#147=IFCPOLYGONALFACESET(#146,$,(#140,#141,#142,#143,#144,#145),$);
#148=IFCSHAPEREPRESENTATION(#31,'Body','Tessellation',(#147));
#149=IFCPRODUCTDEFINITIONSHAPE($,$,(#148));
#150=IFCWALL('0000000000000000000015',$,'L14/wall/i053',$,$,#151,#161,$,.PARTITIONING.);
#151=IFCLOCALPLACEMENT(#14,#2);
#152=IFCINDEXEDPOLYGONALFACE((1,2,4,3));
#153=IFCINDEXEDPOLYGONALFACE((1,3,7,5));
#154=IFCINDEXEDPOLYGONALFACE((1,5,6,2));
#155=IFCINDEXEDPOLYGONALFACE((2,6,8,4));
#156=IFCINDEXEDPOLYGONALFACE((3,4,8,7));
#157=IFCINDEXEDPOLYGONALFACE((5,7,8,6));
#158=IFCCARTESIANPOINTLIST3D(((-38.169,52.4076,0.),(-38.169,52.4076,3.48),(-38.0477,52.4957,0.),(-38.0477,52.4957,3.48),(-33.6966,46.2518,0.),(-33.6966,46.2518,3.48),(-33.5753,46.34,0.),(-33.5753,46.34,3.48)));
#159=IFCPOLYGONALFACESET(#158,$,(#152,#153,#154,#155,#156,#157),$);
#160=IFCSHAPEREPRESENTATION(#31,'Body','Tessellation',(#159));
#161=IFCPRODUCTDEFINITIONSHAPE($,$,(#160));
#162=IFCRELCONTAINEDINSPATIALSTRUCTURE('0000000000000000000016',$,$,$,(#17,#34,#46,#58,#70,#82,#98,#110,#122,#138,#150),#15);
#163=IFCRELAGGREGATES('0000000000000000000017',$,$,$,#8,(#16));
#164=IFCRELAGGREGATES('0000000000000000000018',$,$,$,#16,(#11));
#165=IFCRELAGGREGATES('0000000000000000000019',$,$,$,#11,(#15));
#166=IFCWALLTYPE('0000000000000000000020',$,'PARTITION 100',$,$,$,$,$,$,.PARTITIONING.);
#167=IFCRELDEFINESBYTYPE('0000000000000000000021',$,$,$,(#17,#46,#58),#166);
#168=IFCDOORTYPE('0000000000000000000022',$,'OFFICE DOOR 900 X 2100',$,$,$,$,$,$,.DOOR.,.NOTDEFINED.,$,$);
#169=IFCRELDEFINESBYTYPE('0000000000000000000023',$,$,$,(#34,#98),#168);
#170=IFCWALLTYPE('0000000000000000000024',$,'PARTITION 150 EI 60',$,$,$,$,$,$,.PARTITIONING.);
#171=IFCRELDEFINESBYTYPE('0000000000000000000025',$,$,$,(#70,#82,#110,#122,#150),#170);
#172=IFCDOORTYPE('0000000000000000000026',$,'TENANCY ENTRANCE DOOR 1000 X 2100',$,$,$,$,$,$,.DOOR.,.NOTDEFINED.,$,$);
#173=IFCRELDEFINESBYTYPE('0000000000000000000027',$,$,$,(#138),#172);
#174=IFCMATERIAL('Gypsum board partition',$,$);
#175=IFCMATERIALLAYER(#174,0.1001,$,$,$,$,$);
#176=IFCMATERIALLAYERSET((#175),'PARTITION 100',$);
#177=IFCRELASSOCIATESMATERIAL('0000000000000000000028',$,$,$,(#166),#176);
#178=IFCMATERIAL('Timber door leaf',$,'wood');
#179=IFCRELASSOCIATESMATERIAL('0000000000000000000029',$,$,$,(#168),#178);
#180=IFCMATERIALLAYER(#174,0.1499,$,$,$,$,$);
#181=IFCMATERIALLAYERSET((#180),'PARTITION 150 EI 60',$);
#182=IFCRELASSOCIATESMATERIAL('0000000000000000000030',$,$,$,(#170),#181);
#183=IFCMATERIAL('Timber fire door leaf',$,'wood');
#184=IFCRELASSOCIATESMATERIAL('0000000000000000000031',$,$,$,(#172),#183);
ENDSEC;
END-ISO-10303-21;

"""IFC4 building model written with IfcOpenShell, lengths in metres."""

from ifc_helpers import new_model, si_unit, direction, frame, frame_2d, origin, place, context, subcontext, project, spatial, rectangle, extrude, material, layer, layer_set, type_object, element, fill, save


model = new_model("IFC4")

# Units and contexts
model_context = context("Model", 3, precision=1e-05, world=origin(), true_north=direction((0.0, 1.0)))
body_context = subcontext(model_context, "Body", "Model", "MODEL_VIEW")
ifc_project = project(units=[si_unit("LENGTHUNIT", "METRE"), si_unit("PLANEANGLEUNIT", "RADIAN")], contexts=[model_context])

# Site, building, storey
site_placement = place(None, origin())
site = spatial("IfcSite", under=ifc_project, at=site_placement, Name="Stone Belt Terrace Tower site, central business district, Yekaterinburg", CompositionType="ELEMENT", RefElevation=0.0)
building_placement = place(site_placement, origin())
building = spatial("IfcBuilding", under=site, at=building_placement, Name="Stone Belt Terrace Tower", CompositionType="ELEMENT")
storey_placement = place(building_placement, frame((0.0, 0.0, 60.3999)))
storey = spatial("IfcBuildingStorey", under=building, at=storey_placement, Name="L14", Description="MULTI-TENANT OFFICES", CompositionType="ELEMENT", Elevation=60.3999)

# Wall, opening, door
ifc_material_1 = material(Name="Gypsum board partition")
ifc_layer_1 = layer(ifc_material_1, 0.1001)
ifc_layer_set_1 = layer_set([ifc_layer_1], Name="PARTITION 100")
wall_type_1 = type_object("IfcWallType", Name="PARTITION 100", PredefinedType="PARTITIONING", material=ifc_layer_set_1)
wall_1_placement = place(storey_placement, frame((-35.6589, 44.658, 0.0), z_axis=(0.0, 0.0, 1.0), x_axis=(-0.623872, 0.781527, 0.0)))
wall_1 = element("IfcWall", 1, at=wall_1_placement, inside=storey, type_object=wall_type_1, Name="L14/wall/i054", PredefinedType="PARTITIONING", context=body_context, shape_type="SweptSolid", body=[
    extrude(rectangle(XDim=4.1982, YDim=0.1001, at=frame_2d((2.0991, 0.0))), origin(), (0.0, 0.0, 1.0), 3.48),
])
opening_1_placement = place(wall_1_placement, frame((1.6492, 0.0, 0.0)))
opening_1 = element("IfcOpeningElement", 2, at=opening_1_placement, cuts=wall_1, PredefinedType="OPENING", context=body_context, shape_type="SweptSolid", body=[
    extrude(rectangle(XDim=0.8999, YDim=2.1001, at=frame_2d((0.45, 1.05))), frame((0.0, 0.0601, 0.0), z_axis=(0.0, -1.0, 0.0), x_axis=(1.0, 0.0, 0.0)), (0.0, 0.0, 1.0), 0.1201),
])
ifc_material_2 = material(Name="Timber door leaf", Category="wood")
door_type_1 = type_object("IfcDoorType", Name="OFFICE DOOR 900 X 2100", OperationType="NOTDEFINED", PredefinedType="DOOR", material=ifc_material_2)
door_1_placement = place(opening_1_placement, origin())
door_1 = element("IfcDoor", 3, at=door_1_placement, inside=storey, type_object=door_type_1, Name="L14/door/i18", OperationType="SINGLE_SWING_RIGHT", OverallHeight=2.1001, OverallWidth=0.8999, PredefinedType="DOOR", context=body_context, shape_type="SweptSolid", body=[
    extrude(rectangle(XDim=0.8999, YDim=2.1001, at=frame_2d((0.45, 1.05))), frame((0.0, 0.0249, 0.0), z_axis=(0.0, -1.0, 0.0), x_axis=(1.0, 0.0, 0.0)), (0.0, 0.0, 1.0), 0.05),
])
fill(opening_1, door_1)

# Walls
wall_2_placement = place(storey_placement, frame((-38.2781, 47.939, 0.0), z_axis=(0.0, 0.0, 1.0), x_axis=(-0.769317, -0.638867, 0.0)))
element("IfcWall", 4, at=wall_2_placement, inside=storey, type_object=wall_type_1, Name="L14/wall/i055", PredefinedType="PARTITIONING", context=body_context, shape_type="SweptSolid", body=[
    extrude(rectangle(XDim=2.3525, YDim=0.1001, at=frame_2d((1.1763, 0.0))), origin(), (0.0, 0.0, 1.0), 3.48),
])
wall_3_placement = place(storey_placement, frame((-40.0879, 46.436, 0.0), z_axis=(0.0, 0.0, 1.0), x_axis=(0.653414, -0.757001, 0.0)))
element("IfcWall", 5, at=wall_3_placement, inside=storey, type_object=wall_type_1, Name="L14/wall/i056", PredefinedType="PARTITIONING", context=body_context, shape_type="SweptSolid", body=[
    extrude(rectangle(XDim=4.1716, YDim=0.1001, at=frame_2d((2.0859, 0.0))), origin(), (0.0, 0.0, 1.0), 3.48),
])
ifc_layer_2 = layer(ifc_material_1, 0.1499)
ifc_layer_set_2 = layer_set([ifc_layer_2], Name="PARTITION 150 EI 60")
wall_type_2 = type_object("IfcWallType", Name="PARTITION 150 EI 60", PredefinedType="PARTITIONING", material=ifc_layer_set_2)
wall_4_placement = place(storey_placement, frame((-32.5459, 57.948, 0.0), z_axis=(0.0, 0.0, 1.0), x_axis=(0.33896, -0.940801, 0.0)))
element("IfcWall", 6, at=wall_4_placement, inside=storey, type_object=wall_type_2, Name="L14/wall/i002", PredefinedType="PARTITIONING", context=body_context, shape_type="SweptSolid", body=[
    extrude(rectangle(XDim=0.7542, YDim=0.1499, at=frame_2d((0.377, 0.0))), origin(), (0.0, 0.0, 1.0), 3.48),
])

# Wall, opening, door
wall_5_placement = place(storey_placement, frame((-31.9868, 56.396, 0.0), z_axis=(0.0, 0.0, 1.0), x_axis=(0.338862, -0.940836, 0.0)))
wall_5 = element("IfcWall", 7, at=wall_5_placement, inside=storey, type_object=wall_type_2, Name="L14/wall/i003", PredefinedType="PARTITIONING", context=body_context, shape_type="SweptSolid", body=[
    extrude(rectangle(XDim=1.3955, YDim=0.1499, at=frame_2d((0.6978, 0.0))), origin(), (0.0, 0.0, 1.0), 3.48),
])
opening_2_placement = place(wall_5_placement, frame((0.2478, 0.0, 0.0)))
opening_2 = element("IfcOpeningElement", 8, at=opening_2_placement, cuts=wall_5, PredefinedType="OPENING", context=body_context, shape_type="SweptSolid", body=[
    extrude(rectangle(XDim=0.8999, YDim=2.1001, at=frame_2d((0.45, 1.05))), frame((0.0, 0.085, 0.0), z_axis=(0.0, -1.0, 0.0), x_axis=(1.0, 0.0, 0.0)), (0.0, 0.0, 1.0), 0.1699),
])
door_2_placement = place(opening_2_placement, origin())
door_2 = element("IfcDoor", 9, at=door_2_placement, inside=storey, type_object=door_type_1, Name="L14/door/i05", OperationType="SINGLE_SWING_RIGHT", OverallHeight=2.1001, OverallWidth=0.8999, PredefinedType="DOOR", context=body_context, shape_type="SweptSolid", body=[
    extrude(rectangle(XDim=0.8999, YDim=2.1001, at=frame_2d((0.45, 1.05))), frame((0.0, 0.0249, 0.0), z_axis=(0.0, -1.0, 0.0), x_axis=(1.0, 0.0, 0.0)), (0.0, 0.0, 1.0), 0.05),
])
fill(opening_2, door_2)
******************************
_YOUR TASK_: Once you reach the line containing "#157=IFCINDEXEDPOLYGONALFACE((5,7,8,6));", include it and stop; until then, reproduce each line of the listing from its start exactly.

_EXERCISE ANSWER_:
#147=IFCPOLYGONALFACESET(#146,$,(#140,#141,#142,#143,#144,#145),$);
#148=IFCSHAPEREPRESENTATION(#31,'Body','Tessellation',(#147));
#149=IFCPRODUCTDEFINITIONSHAPE($,$,(#148));
#150=IFCWALL('0000000000000000000015',$,'L14/wall/i053',$,$,#151,#161,$,.PARTITIONING.);
#151=IFCLOCALPLACEMENT(#14,#2);
#152=IFCINDEXEDPOLYGONALFACE((1,2,4,3));
#153=IFCINDEXEDPOLYGONALFACE((1,3,7,5));
#154=IFCINDEXEDPOLYGONALFACE((1,5,6,2));
#155=IFCINDEXEDPOLYGONALFACE((2,6,8,4));
#156=IFCINDEXEDPOLYGONALFACE((3,4,8,7));
#157=IFCINDEXEDPOLYGONALFACE((5,7,8,6));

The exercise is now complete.